● RECORD EXTRACTS:
- - -

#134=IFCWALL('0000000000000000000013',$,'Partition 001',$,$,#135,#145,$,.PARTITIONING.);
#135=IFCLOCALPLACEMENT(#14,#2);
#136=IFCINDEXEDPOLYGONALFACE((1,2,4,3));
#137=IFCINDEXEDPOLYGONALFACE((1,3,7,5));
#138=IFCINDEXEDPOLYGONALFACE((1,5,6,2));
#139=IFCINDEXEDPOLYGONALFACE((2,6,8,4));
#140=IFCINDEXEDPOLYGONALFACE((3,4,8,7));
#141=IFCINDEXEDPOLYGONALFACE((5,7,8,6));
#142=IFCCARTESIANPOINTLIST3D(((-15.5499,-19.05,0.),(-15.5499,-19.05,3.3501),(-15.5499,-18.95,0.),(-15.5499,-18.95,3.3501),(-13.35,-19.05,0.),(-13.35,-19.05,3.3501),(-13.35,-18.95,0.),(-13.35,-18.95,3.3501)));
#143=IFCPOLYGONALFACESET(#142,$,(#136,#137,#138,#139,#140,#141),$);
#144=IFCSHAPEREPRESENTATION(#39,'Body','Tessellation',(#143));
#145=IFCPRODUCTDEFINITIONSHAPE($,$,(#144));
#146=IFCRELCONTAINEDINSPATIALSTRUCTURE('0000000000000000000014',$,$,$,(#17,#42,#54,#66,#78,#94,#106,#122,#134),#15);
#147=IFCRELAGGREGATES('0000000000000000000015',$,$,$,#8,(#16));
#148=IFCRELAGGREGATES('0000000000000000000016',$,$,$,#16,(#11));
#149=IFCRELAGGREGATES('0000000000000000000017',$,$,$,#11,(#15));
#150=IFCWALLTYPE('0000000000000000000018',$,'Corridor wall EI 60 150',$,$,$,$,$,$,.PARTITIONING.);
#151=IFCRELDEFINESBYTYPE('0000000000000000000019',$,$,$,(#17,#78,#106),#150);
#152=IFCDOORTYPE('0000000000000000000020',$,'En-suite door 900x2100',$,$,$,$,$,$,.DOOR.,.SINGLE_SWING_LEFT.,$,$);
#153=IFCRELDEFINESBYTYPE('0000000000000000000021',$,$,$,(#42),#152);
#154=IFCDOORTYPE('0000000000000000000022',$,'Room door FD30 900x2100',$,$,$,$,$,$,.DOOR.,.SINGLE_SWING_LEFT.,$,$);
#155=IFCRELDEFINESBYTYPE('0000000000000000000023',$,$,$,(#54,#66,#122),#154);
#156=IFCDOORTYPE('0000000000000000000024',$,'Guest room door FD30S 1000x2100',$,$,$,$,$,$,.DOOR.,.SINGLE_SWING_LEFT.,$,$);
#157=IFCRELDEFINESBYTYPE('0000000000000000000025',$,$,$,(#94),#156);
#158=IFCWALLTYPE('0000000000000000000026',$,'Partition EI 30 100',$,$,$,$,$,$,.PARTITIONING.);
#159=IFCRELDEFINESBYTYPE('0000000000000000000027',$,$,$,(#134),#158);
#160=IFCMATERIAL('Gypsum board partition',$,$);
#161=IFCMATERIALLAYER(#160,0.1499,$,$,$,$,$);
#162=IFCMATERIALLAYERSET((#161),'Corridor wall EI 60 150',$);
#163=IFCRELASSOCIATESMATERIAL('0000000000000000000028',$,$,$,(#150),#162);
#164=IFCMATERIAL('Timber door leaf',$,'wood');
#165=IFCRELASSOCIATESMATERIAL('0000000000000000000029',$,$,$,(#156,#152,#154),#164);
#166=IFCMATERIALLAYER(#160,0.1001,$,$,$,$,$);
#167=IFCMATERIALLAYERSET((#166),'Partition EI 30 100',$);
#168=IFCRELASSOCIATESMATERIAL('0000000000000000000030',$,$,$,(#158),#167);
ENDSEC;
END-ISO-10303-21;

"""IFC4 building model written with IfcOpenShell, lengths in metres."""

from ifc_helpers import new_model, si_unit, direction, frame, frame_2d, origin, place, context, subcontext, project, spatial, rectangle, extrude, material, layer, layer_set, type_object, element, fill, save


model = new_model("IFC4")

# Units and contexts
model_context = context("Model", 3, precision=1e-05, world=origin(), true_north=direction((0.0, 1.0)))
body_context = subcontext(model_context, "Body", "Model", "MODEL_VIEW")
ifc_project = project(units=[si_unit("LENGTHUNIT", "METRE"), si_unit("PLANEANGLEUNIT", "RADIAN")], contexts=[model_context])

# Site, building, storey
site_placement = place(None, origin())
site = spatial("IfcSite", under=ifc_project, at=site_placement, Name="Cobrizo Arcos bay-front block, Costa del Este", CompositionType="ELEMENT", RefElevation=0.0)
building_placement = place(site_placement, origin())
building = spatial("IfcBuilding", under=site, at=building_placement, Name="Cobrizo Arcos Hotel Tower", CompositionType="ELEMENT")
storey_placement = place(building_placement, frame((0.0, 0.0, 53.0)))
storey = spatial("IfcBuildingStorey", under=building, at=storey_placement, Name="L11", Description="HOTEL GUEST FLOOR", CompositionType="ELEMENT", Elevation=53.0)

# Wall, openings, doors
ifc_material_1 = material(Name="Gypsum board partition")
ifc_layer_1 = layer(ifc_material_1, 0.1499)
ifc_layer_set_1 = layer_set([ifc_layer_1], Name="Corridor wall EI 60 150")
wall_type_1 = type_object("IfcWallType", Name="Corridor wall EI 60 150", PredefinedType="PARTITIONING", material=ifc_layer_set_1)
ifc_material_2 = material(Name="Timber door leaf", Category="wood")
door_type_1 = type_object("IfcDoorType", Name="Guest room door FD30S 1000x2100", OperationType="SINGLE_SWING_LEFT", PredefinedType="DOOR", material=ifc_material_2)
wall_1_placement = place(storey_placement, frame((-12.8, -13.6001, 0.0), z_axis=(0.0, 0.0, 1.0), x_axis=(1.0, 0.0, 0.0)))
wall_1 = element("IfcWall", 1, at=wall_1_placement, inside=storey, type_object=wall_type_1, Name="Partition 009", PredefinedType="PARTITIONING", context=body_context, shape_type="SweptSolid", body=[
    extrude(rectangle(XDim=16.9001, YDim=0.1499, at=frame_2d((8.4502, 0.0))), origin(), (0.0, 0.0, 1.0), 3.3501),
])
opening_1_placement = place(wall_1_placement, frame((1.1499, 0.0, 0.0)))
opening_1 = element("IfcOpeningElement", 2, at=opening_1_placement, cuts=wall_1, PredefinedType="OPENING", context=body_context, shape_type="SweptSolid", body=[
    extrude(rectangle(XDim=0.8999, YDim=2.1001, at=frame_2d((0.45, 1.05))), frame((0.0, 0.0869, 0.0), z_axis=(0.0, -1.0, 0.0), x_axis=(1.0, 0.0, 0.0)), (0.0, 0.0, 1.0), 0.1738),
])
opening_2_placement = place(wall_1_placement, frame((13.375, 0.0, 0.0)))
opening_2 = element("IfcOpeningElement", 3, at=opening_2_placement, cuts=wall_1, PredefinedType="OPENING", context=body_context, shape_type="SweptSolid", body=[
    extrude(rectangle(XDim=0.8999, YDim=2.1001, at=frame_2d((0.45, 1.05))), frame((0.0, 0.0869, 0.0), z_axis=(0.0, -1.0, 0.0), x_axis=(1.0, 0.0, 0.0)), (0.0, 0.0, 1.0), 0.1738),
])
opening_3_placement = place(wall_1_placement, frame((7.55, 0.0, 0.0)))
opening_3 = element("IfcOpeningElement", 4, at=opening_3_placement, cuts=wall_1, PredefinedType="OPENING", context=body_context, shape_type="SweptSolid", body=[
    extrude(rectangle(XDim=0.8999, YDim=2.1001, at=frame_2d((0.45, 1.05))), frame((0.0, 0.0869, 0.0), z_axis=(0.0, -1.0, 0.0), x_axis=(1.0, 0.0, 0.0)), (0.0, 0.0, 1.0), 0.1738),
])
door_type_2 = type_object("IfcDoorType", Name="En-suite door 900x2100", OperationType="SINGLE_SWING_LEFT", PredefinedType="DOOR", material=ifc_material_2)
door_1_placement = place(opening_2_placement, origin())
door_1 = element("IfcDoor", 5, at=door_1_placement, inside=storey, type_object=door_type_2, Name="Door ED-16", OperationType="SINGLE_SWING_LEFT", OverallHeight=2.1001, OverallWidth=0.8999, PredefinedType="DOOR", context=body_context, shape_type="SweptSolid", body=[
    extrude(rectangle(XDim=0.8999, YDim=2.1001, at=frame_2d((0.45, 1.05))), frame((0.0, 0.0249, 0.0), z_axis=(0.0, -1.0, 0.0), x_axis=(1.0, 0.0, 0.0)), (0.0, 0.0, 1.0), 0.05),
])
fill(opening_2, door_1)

- - -

Once you have counted every line in the listing that holds the string "fill", give that number and nothing else.

● ANSWER AREA:
2